What needs to be done: Look through the lines below and extract any with the word "things".

Supplied data:
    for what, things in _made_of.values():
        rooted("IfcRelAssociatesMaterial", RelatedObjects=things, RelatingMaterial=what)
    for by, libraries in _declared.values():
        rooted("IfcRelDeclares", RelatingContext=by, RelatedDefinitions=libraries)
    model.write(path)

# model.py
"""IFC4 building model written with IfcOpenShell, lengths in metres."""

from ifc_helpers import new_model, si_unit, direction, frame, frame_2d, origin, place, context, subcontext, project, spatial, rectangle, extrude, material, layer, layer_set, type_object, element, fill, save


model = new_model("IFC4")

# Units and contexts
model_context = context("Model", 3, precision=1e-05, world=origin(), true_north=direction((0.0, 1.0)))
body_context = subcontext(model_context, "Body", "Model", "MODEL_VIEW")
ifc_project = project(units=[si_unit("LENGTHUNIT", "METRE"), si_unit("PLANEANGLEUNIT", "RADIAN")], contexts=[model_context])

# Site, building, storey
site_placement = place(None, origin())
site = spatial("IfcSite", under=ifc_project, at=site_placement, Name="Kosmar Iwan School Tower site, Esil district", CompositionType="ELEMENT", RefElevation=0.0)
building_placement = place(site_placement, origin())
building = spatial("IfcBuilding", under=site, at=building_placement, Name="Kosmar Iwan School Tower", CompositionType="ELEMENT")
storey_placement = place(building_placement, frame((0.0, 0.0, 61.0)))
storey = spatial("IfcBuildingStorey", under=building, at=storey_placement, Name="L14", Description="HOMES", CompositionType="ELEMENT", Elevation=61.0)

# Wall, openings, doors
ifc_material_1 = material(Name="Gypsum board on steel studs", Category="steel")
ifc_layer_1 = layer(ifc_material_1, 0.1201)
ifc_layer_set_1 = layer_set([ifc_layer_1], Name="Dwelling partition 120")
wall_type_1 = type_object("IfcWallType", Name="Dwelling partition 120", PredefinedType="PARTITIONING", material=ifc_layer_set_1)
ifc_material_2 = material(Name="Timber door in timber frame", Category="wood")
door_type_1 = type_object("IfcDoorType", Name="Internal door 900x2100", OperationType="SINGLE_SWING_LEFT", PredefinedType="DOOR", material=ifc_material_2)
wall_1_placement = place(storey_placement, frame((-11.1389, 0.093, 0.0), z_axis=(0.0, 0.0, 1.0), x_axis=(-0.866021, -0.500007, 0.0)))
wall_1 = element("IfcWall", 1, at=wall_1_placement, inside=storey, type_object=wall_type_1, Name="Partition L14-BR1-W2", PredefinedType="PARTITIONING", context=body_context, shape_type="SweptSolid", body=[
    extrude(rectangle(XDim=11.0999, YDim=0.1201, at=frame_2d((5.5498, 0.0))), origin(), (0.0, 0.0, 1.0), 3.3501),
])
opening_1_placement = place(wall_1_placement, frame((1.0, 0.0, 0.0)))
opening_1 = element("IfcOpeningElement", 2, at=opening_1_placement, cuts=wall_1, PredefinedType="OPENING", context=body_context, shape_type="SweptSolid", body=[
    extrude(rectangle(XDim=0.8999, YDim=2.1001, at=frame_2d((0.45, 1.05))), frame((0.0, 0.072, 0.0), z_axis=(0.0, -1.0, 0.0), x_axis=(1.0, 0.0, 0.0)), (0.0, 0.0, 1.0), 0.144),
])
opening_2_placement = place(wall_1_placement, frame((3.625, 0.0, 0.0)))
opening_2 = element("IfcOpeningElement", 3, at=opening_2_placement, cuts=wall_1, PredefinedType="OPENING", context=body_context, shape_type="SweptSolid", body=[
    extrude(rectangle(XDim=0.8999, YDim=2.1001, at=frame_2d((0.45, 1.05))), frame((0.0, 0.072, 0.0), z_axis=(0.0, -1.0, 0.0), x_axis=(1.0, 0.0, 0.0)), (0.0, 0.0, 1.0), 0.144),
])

Result:
    for what, things in _made_of.values():
        rooted("IfcRelAssociatesMaterial", RelatedObjects=things, RelatingMaterial=what)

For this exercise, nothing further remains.